Saved entries:

⟨

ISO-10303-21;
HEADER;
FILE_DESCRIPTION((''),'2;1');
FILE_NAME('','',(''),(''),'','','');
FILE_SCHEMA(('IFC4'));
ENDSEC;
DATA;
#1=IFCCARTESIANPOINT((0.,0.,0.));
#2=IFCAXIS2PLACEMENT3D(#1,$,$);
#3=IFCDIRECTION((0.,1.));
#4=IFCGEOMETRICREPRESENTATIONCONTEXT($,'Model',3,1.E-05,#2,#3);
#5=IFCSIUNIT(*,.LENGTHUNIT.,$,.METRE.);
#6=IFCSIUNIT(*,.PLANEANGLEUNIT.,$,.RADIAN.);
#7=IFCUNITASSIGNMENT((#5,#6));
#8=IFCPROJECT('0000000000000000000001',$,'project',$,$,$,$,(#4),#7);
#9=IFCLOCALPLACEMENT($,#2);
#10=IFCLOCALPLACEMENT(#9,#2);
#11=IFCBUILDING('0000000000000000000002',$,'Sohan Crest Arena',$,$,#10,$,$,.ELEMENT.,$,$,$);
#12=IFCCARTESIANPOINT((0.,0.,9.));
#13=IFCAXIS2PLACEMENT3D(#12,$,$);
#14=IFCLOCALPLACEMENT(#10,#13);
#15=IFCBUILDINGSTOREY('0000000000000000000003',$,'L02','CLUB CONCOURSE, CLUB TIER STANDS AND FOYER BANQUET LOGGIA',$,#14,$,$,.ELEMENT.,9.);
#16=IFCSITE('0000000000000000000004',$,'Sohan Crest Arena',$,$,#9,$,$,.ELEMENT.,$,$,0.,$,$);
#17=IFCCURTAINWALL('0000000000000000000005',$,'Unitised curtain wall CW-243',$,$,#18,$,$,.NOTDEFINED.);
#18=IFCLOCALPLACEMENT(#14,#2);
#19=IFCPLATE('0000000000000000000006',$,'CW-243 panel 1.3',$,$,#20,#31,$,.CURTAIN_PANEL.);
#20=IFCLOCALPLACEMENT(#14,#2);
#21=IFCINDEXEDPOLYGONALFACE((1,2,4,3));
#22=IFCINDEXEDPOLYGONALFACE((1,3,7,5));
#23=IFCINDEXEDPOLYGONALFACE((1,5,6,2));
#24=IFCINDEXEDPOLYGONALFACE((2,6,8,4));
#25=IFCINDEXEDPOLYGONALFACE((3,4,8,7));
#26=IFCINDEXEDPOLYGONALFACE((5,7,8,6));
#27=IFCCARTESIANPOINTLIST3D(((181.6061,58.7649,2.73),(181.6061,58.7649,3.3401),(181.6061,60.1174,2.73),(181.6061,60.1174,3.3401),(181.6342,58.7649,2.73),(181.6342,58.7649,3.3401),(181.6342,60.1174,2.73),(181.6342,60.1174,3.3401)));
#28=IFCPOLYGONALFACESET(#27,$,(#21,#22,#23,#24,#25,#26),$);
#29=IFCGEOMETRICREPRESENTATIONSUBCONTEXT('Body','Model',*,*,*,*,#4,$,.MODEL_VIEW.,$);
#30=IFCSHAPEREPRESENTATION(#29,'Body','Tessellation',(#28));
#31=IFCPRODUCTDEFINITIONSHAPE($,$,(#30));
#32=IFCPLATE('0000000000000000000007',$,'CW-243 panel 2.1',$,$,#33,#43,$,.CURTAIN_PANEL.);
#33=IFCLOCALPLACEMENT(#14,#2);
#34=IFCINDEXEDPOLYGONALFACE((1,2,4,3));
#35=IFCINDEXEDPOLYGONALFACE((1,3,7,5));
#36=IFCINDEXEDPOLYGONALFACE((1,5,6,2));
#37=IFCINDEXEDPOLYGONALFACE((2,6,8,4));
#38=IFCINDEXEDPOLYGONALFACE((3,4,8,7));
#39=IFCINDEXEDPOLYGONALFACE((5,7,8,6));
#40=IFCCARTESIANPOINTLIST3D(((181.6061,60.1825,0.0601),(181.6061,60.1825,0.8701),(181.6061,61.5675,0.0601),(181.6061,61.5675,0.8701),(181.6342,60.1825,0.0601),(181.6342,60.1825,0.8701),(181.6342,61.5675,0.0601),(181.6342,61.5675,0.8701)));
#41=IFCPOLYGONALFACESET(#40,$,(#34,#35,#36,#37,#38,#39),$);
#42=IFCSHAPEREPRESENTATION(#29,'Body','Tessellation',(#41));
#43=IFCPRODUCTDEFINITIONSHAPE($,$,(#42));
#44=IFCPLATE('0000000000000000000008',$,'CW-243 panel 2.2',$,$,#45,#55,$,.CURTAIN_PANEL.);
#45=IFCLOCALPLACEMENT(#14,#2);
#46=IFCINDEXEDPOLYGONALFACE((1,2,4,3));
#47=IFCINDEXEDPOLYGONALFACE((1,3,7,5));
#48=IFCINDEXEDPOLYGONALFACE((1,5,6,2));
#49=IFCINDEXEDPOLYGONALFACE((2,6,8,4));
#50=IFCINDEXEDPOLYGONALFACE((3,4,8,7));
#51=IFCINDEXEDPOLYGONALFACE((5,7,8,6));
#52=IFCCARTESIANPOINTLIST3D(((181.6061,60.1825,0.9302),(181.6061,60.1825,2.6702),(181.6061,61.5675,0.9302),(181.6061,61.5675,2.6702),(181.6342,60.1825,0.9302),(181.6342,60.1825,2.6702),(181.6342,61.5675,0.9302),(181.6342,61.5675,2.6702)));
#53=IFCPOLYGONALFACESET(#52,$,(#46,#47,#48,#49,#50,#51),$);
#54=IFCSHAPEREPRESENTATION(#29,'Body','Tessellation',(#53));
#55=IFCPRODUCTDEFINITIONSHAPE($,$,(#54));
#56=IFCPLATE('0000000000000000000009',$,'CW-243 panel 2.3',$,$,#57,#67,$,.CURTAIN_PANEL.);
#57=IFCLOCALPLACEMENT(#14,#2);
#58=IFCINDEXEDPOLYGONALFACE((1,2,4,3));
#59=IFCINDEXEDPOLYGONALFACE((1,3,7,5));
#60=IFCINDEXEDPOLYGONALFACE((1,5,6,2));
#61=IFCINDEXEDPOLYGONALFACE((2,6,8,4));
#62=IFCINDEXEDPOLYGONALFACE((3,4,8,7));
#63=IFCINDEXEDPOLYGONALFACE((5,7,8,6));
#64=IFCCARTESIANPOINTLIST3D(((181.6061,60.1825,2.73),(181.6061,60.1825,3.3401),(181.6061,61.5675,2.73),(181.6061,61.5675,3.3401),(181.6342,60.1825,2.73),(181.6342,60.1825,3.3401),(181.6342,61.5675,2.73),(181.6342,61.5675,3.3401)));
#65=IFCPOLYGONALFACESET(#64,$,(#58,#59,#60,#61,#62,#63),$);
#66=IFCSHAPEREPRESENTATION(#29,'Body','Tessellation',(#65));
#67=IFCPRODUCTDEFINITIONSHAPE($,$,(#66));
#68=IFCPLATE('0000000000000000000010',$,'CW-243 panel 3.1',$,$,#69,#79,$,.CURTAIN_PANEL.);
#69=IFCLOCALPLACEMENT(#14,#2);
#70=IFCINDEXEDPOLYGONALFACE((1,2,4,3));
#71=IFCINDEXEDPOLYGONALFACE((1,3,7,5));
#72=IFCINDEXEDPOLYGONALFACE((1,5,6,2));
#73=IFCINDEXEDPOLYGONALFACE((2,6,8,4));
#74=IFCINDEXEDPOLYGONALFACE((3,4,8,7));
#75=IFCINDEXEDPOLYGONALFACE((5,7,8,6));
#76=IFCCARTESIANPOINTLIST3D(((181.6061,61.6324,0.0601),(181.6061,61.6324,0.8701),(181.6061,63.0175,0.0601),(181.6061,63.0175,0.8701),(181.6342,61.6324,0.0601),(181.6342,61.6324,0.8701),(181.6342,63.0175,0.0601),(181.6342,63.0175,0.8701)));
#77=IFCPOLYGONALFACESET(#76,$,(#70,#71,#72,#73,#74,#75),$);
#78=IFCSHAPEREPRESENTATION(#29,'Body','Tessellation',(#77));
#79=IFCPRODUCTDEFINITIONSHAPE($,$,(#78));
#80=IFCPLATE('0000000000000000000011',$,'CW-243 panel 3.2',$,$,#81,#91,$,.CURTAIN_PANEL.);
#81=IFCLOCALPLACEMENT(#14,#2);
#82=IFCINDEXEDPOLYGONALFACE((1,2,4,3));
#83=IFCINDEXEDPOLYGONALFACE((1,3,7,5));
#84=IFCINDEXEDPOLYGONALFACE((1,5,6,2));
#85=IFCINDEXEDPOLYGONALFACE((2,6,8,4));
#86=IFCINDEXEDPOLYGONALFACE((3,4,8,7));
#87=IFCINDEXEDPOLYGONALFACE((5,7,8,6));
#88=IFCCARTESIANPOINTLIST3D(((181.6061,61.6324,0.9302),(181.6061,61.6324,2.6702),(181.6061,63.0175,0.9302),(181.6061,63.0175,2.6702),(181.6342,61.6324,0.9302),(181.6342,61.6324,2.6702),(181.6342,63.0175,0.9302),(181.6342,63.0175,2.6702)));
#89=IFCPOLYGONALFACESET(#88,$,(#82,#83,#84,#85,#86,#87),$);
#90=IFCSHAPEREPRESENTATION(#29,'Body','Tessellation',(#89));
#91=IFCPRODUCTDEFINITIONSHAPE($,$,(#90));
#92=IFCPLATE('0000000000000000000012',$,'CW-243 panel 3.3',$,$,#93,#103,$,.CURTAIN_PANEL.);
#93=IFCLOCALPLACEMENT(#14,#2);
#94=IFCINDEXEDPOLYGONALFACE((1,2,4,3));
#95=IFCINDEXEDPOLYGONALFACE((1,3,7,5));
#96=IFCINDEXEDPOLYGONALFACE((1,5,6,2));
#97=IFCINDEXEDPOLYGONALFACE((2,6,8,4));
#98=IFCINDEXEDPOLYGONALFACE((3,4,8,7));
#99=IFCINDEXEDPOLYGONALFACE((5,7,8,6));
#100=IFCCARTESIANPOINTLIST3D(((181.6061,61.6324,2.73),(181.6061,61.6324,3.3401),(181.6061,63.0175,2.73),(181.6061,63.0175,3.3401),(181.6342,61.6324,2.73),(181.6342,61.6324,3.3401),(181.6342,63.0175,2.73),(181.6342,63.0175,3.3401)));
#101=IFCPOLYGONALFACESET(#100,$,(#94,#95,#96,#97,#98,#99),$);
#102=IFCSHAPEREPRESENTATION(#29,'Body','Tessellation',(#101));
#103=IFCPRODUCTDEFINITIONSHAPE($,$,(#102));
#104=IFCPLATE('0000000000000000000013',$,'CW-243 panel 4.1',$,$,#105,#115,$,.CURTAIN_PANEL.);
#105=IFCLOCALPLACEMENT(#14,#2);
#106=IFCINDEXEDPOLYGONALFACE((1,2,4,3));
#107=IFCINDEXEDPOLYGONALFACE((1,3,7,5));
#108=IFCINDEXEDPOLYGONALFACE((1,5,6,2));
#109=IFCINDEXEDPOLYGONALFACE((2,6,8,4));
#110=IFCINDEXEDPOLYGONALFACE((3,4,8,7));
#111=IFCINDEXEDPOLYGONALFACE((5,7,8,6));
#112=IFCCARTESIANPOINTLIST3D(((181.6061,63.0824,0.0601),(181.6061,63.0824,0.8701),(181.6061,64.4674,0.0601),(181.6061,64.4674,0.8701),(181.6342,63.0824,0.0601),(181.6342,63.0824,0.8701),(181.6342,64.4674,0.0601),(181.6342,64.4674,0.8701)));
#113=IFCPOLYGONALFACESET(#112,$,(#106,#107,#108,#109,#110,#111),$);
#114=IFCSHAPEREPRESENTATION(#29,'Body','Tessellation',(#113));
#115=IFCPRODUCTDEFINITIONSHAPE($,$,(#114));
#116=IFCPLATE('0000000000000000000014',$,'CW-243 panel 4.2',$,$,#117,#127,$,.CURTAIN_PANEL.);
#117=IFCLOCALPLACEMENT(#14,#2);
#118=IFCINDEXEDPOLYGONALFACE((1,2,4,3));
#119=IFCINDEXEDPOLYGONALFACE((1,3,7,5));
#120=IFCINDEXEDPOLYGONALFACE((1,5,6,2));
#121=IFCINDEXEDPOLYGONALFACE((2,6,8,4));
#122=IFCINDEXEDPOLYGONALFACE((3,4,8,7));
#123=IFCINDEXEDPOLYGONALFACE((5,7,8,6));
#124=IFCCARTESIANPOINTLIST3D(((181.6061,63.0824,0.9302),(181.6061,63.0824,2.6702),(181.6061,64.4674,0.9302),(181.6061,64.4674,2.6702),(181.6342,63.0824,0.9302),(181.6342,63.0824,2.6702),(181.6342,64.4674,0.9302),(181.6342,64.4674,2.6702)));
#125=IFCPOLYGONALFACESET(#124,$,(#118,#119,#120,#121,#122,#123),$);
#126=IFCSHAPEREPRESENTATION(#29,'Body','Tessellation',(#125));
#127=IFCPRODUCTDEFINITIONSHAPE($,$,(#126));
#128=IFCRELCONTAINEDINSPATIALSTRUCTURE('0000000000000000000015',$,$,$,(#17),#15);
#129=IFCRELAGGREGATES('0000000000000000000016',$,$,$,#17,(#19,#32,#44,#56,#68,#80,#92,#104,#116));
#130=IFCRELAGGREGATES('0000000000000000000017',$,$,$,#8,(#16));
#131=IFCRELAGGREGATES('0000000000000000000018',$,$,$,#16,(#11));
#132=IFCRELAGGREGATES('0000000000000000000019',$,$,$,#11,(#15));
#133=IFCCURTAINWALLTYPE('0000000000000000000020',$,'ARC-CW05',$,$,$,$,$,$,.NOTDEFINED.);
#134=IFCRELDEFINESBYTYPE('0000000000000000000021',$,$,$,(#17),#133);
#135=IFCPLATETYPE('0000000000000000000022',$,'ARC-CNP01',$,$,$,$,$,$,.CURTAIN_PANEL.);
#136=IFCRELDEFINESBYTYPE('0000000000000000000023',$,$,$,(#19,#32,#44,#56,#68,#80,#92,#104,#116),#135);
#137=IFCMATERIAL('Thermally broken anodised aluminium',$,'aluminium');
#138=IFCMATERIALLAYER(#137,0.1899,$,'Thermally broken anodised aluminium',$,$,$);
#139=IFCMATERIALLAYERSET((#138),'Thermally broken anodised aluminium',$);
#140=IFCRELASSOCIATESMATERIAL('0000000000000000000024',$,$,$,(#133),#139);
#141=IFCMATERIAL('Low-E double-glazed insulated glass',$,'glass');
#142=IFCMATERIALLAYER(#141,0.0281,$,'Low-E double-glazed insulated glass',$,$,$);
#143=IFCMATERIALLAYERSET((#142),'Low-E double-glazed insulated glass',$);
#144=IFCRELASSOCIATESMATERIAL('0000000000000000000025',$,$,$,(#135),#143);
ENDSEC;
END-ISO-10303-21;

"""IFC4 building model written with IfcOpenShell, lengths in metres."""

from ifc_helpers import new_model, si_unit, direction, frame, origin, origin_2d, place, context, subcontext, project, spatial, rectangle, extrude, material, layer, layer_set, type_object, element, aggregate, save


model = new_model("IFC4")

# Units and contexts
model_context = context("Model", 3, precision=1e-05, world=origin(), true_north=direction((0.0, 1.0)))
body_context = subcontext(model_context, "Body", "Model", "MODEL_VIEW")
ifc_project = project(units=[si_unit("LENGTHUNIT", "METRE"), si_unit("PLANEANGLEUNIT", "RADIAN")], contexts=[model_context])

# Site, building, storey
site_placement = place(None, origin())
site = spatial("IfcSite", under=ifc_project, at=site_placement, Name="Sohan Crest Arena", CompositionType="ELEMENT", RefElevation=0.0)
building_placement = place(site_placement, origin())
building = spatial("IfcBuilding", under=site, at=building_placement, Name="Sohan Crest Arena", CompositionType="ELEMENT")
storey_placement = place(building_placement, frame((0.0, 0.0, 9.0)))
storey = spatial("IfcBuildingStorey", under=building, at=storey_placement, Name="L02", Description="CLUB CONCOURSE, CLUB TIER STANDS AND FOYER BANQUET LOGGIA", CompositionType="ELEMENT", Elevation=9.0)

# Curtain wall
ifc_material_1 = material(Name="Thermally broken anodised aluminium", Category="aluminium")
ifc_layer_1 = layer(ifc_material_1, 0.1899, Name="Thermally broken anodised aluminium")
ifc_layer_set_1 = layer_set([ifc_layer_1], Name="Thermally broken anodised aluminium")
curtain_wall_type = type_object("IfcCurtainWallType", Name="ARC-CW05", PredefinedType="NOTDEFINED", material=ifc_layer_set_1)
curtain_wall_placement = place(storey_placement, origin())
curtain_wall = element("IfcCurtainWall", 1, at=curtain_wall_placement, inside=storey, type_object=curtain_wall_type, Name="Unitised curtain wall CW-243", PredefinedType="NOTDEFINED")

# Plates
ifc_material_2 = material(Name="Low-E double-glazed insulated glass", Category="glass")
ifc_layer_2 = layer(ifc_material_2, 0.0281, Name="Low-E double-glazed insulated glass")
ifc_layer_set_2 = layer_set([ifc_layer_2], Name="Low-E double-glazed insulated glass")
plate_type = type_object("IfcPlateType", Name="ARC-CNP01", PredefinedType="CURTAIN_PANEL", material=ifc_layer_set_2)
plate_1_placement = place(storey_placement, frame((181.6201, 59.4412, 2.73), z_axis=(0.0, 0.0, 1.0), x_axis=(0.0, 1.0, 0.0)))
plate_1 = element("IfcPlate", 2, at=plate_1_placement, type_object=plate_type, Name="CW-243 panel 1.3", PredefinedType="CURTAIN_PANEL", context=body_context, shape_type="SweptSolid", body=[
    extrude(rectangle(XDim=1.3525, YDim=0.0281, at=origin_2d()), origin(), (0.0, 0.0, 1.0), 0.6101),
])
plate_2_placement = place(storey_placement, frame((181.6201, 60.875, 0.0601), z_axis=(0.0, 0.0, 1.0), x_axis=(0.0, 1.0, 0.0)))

⟩
⟨

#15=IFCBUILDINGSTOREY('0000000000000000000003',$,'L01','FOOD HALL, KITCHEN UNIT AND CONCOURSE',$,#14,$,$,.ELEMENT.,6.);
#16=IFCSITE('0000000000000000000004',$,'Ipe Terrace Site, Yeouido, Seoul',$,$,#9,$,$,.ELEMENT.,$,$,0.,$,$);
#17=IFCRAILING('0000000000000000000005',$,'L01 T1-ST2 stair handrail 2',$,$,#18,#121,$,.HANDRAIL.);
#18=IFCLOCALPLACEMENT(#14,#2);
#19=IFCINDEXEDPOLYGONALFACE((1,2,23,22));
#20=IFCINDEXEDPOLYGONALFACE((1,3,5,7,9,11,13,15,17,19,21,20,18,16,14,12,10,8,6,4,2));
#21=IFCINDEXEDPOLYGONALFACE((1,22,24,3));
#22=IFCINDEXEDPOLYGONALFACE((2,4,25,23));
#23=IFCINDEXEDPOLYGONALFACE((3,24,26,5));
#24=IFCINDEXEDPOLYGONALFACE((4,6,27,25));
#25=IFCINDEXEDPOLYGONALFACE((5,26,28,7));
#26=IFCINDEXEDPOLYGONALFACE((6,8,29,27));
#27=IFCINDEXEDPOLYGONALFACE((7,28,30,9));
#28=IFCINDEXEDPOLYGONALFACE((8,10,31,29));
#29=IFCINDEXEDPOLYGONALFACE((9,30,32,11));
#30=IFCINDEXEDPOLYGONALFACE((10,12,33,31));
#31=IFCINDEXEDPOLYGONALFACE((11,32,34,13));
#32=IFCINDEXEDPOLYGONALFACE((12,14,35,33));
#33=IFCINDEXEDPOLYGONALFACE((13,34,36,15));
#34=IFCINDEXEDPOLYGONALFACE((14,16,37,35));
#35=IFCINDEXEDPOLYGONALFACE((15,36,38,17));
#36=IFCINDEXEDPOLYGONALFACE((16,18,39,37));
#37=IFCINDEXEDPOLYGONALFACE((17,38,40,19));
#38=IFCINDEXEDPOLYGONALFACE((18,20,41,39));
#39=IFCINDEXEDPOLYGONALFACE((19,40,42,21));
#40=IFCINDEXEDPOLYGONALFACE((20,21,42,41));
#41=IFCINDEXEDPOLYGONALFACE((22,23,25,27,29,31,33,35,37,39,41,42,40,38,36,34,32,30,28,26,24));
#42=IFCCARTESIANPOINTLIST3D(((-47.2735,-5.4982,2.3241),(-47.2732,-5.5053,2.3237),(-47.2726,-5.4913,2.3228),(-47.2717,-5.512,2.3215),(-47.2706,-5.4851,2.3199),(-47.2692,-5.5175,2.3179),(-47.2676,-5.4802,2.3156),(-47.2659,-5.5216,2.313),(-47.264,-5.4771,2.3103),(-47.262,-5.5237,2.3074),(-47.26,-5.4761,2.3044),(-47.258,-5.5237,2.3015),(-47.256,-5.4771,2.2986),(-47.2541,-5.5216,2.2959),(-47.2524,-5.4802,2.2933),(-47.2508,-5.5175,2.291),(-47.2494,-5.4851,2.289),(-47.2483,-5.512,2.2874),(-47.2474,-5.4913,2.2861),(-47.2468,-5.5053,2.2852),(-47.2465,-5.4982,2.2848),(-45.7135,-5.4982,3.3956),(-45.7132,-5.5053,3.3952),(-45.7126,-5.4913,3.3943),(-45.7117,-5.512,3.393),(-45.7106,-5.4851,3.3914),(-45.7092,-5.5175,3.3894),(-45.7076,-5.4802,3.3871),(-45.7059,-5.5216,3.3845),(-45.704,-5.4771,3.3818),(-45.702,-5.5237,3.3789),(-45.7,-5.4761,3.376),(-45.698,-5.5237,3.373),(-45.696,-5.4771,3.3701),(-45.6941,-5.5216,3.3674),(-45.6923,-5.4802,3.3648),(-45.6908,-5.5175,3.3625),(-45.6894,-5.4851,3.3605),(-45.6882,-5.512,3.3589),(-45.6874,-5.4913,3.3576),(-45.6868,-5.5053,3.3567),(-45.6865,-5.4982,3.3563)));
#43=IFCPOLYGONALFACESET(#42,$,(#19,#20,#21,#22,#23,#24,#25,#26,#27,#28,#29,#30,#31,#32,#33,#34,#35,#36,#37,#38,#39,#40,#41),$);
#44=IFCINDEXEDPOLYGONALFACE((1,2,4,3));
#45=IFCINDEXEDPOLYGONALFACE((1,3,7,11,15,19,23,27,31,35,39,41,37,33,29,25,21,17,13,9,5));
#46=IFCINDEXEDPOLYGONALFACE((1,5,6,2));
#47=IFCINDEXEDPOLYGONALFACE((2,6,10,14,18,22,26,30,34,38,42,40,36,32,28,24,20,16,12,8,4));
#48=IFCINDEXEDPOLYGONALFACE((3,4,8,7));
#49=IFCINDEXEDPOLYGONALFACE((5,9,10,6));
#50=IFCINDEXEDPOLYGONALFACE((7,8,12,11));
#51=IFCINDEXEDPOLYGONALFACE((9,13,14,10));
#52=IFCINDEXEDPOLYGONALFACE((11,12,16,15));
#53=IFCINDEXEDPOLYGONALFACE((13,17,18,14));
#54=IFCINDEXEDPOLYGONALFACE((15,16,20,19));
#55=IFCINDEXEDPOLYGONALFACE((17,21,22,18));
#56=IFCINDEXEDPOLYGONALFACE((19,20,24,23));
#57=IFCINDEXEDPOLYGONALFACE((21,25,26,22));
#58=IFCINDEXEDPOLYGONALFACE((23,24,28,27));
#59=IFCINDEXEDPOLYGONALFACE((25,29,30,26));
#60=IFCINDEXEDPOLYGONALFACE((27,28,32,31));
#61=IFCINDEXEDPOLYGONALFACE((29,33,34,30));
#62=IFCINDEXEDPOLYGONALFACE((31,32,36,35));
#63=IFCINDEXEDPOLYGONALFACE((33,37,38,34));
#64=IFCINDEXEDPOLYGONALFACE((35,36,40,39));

⟩

• _Problem statement_
There is a run of lines above from the one with "#14=IFCLOCALPLACEMENT(#10,#13);" to the one with "FOYER BANQUET LOGGIA',$,#14,$,$,.ELEMENT.,9.);"; print exactly that run, both ends included, and nothing else.

• _Response to this exercise_
#14=IFCLOCALPLACEMENT(#10,#13);
#15=IFCBUILDINGSTOREY('0000000000000000000003',$,'L02','CLUB CONCOURSE, CLUB TIER STANDS AND FOYER BANQUET LOGGIA',$,#14,$,$,.ELEMENT.,9.);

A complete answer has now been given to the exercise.